**Exercise:**
Copy exactly the lines from the first line of the records below through the line containing "#32=IFCSHAPEREPRESENTATION(#31,'Body','Tessellation',(#30));", including both, and nothing else.
^^^^^^^^
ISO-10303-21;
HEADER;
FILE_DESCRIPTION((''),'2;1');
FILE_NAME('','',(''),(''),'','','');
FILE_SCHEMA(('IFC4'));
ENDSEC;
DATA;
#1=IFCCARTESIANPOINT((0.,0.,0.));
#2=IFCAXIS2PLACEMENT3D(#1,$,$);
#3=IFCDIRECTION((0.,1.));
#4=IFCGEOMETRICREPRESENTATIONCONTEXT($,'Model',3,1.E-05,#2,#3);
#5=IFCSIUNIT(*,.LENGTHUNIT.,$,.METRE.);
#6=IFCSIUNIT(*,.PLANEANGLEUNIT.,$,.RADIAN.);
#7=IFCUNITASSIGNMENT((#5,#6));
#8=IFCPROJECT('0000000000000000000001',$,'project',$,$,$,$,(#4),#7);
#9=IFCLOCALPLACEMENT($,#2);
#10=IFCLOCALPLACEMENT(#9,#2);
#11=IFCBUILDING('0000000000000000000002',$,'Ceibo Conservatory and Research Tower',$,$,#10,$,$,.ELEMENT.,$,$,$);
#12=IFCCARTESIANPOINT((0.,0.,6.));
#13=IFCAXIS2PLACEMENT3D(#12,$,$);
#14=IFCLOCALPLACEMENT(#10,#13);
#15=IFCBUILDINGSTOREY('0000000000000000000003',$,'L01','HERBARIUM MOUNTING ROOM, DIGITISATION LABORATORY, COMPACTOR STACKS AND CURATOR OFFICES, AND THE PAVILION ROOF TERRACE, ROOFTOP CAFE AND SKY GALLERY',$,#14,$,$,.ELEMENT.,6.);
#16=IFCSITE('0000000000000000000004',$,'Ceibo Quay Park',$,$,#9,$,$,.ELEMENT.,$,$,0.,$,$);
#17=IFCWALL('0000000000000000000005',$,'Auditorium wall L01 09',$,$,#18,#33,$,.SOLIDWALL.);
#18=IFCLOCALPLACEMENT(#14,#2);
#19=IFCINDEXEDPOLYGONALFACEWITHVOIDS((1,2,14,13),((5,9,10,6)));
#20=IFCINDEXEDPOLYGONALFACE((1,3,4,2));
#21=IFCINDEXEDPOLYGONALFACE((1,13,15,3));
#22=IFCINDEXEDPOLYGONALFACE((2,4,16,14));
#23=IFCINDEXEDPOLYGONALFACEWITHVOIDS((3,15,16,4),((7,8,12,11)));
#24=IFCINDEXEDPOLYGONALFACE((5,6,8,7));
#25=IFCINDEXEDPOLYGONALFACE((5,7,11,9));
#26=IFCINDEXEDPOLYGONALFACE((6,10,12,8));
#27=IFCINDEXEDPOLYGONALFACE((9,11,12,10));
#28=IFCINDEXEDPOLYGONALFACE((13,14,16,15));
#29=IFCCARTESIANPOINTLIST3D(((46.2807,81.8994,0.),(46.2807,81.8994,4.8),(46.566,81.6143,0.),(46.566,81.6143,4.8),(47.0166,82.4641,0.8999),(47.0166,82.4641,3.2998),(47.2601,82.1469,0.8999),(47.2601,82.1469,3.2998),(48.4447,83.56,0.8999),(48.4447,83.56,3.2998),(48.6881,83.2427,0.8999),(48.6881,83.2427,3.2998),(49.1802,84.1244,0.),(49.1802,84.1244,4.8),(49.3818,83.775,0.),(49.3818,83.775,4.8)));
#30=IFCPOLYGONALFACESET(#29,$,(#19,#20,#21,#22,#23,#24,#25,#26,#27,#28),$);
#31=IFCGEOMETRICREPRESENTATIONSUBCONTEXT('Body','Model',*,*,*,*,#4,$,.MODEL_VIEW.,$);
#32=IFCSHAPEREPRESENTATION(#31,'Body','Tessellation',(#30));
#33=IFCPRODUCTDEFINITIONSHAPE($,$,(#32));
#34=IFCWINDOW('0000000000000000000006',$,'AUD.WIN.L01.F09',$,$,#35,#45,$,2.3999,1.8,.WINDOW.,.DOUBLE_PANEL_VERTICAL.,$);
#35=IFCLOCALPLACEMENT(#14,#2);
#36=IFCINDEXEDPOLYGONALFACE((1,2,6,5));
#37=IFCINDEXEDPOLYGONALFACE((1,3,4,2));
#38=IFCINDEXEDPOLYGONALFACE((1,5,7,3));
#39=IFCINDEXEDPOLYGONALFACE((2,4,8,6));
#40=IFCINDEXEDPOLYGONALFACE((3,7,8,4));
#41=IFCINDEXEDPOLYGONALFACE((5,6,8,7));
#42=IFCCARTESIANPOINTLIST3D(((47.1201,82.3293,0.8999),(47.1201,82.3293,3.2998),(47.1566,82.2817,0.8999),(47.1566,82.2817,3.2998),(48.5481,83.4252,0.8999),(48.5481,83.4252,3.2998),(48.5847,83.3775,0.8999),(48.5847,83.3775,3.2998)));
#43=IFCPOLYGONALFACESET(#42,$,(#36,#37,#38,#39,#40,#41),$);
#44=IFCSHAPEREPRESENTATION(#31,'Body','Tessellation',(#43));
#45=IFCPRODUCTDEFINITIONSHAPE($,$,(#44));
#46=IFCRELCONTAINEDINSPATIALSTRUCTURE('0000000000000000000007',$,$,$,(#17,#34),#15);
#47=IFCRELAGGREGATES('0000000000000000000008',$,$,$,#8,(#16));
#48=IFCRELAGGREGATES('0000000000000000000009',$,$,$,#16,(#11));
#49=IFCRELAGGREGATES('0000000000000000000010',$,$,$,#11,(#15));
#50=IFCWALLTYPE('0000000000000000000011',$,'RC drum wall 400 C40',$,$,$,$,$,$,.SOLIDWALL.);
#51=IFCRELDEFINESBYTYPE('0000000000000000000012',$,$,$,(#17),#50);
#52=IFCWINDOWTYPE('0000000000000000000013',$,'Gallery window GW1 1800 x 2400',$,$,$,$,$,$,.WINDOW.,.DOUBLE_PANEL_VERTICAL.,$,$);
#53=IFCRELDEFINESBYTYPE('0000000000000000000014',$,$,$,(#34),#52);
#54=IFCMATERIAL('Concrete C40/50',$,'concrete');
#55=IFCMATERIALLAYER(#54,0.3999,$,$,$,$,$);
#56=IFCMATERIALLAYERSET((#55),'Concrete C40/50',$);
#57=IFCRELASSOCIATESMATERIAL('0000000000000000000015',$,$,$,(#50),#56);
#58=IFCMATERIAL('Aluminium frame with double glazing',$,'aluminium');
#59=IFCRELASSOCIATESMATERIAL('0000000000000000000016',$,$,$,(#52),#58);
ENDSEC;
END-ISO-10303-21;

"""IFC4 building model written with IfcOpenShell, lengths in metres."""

from ifc_helpers import new_model, si_unit, direction, frame, frame_2d, origin, place, context, subcontext, project, spatial, polyline, rectangle, outline, extrude, material, layer, layer_set, type_object, element, fill, save


model = new_model("IFC4")

# Units and contexts
model_context = context("Model", 3, precision=1e-05, world=origin(), true_north=direction((0.0, 1.0)))
body_context = subcontext(model_context, "Body", "Model", "MODEL_VIEW")
ifc_project = project(units=[si_unit("LENGTHUNIT", "METRE"), si_unit("PLANEANGLEUNIT", "RADIAN")], contexts=[model_context])

# Site, building, storey
site_placement = place(None, origin())
site = spatial("IfcSite", under=ifc_project, at=site_placement, Name="Ceibo Quay Park", CompositionType="ELEMENT", RefElevation=0.0)
building_placement = place(site_placement, origin())
building = spatial("IfcBuilding", under=site, at=building_placement, Name="Ceibo Conservatory and Research Tower", CompositionType="ELEMENT")
storey_placement = place(building_placement, frame((0.0, 0.0, 6.0)))
storey = spatial("IfcBuildingStorey", under=building, at=storey_placement, Name="L01", Description="HERBARIUM MOUNTING ROOM, DIGITISATION LABORATORY, COMPACTOR STACKS AND CURATOR OFFICES, AND THE PAVILION ROOF TERRACE, ROOFTOP CAFE AND SKY GALLERY", CompositionType="ELEMENT", Elevation=6.0)

# Shared definitions
ifc_material_1 = material(Name="Concrete C40/50", Category="concrete")
ifc_layer_1 = layer(ifc_material_1, 0.3999)
ifc_layer_set_1 = layer_set([ifc_layer_1], Name="Concrete C40/50")
wall_type_1 = type_object("IfcWallType", Name="RC drum wall 400 C40", PredefinedType="SOLIDWALL", material=ifc_layer_set_1)
ifc_material_2 = material(Name="Aluminium frame with double glazing", Category="aluminium")
window_type = type_object("IfcWindowType", Name="Gallery window GW1 1800 x 2400", PartitioningType="DOUBLE_PANEL_VERTICAL", PredefinedType="WINDOW", material=ifc_material_2)

# Wall, opening, window
wall_1_placement = place(storey_placement, frame((49.281, 83.9497, 0.0), z_axis=(0.0, 0.0, 1.0), x_axis=(-0.793339, -0.60878, 0.0)))
wall_1 = element("IfcWall", 1, at=wall_1_placement, inside=storey, type_object=wall_type_1, Name="Auditorium wall L01 09", PredefinedType="SOLIDWALL", context=body_context, shape_type="SweptSolid", body=[
    extrude(outline(polyline([(-0.0264, -0.2), (3.6284, -0.2), (3.5757, 0.2), (0.0264, 0.2), (-0.0264, -0.2)])), origin(), (0.0, 0.0, 1.0), 4.8),
])
opening_1_placement = place(wall_1_placement, frame((0.9009, 0.0, 0.8999)))
opening_1 = element("IfcOpeningElement", 2, at=opening_1_placement, cuts=wall_1, PredefinedType="OPENING", context=body_context, shape_type="SweptSolid", body=[
    extrude(rectangle(XDim=1.8, YDim=2.3999, at=frame_2d((0.8999, 1.2))), frame((0.0, 0.21, 0.0), z_axis=(0.0, -1.0, 0.0), x_axis=(1.0, 0.0, 0.0)), (0.0, 0.0, 1.0), 0.4199),
])
window_1_placement = place(opening_1_placement, origin())
window_1 = element("IfcWindow", 3, at=window_1_placement, inside=storey, type_object=window_type, Name="AUD.WIN.L01.F09", OverallHeight=2.3999, OverallWidth=1.8, PartitioningType="DOUBLE_PANEL_VERTICAL", PredefinedType="WINDOW", context=body_context, shape_type="SweptSolid", body=[
    extrude(rectangle(XDim=1.8, YDim=2.3999, at=frame_2d((0.8999, 1.2))), frame((0.0, 0.03, 0.0), z_axis=(0.0, -1.0, 0.0), x_axis=(1.0, 0.0, 0.0)), (0.0, 0.0, 1.0), 0.0601),
])
fill(opening_1, window_1)

save(model, "model.ifc")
^^^^^^^^
**Response to the exercise:**
ISO-10303-21;
HEADER;
FILE_DESCRIPTION((''),'2;1');
FILE_NAME('','',(''),(''),'','','');
FILE_SCHEMA(('IFC4'));
ENDSEC;
DATA;
#1=IFCCARTESIANPOINT((0.,0.,0.));
#2=IFCAXIS2PLACEMENT3D(#1,$,$);
#3=IFCDIRECTION((0.,1.));
#4=IFCGEOMETRICREPRESENTATIONCONTEXT($,'Model',3,1.E-05,#2,#3);
#5=IFCSIUNIT(*,.LENGTHUNIT.,$,.METRE.);
#6=IFCSIUNIT(*,.PLANEANGLEUNIT.,$,.RADIAN.);
#7=IFCUNITASSIGNMENT((#5,#6));
#8=IFCPROJECT('0000000000000000000001',$,'project',$,$,$,$,(#4),#7);
#9=IFCLOCALPLACEMENT($,#2);
#10=IFCLOCALPLACEMENT(#9,#2);
#11=IFCBUILDING('0000000000000000000002',$,'Ceibo Conservatory and Research Tower',$,$,#10,$,$,.ELEMENT.,$,$,$);
#12=IFCCARTESIANPOINT((0.,0.,6.));
#13=IFCAXIS2PLACEMENT3D(#12,$,$);
#14=IFCLOCALPLACEMENT(#10,#13);
#15=IFCBUILDINGSTOREY('0000000000000000000003',$,'L01','HERBARIUM MOUNTING ROOM, DIGITISATION LABORATORY, COMPACTOR STACKS AND CURATOR OFFICES, AND THE PAVILION ROOF TERRACE, ROOFTOP CAFE AND SKY GALLERY',$,#14,$,$,.ELEMENT.,6.);
#16=IFCSITE('0000000000000000000004',$,'Ceibo Quay Park',$,$,#9,$,$,.ELEMENT.,$,$,0.,$,$);
#17=IFCWALL('0000000000000000000005',$,'Auditorium wall L01 09',$,$,#18,#33,$,.SOLIDWALL.);
#18=IFCLOCALPLACEMENT(#14,#2);
#19=IFCINDEXEDPOLYGONALFACEWITHVOIDS((1,2,14,13),((5,9,10,6)));
#20=IFCINDEXEDPOLYGONALFACE((1,3,4,2));
#21=IFCINDEXEDPOLYGONALFACE((1,13,15,3));
#22=IFCINDEXEDPOLYGONALFACE((2,4,16,14));
#23=IFCINDEXEDPOLYGONALFACEWITHVOIDS((3,15,16,4),((7,8,12,11)));
#24=IFCINDEXEDPOLYGONALFACE((5,6,8,7));
#25=IFCINDEXEDPOLYGONALFACE((5,7,11,9));
#26=IFCINDEXEDPOLYGONALFACE((6,10,12,8));
#27=IFCINDEXEDPOLYGONALFACE((9,11,12,10));
#28=IFCINDEXEDPOLYGONALFACE((13,14,16,15));
#29=IFCCARTESIANPOINTLIST3D(((46.2807,81.8994,0.),(46.2807,81.8994,4.8),(46.566,81.6143,0.),(46.566,81.6143,4.8),(47.0166,82.4641,0.8999),(47.0166,82.4641,3.2998),(47.2601,82.1469,0.8999),(47.2601,82.1469,3.2998),(48.4447,83.56,0.8999),(48.4447,83.56,3.2998),(48.6881,83.2427,0.8999),(48.6881,83.2427,3.2998),(49.1802,84.1244,0.),(49.1802,84.1244,4.8),(49.3818,83.775,0.),(49.3818,83.775,4.8)));
#30=IFCPOLYGONALFACESET(#29,$,(#19,#20,#21,#22,#23,#24,#25,#26,#27,#28),$);
#31=IFCGEOMETRICREPRESENTATIONSUBCONTEXT('Body','Model',*,*,*,*,#4,$,.MODEL_VIEW.,$);
#32=IFCSHAPEREPRESENTATION(#31,'Body','Tessellation',(#30));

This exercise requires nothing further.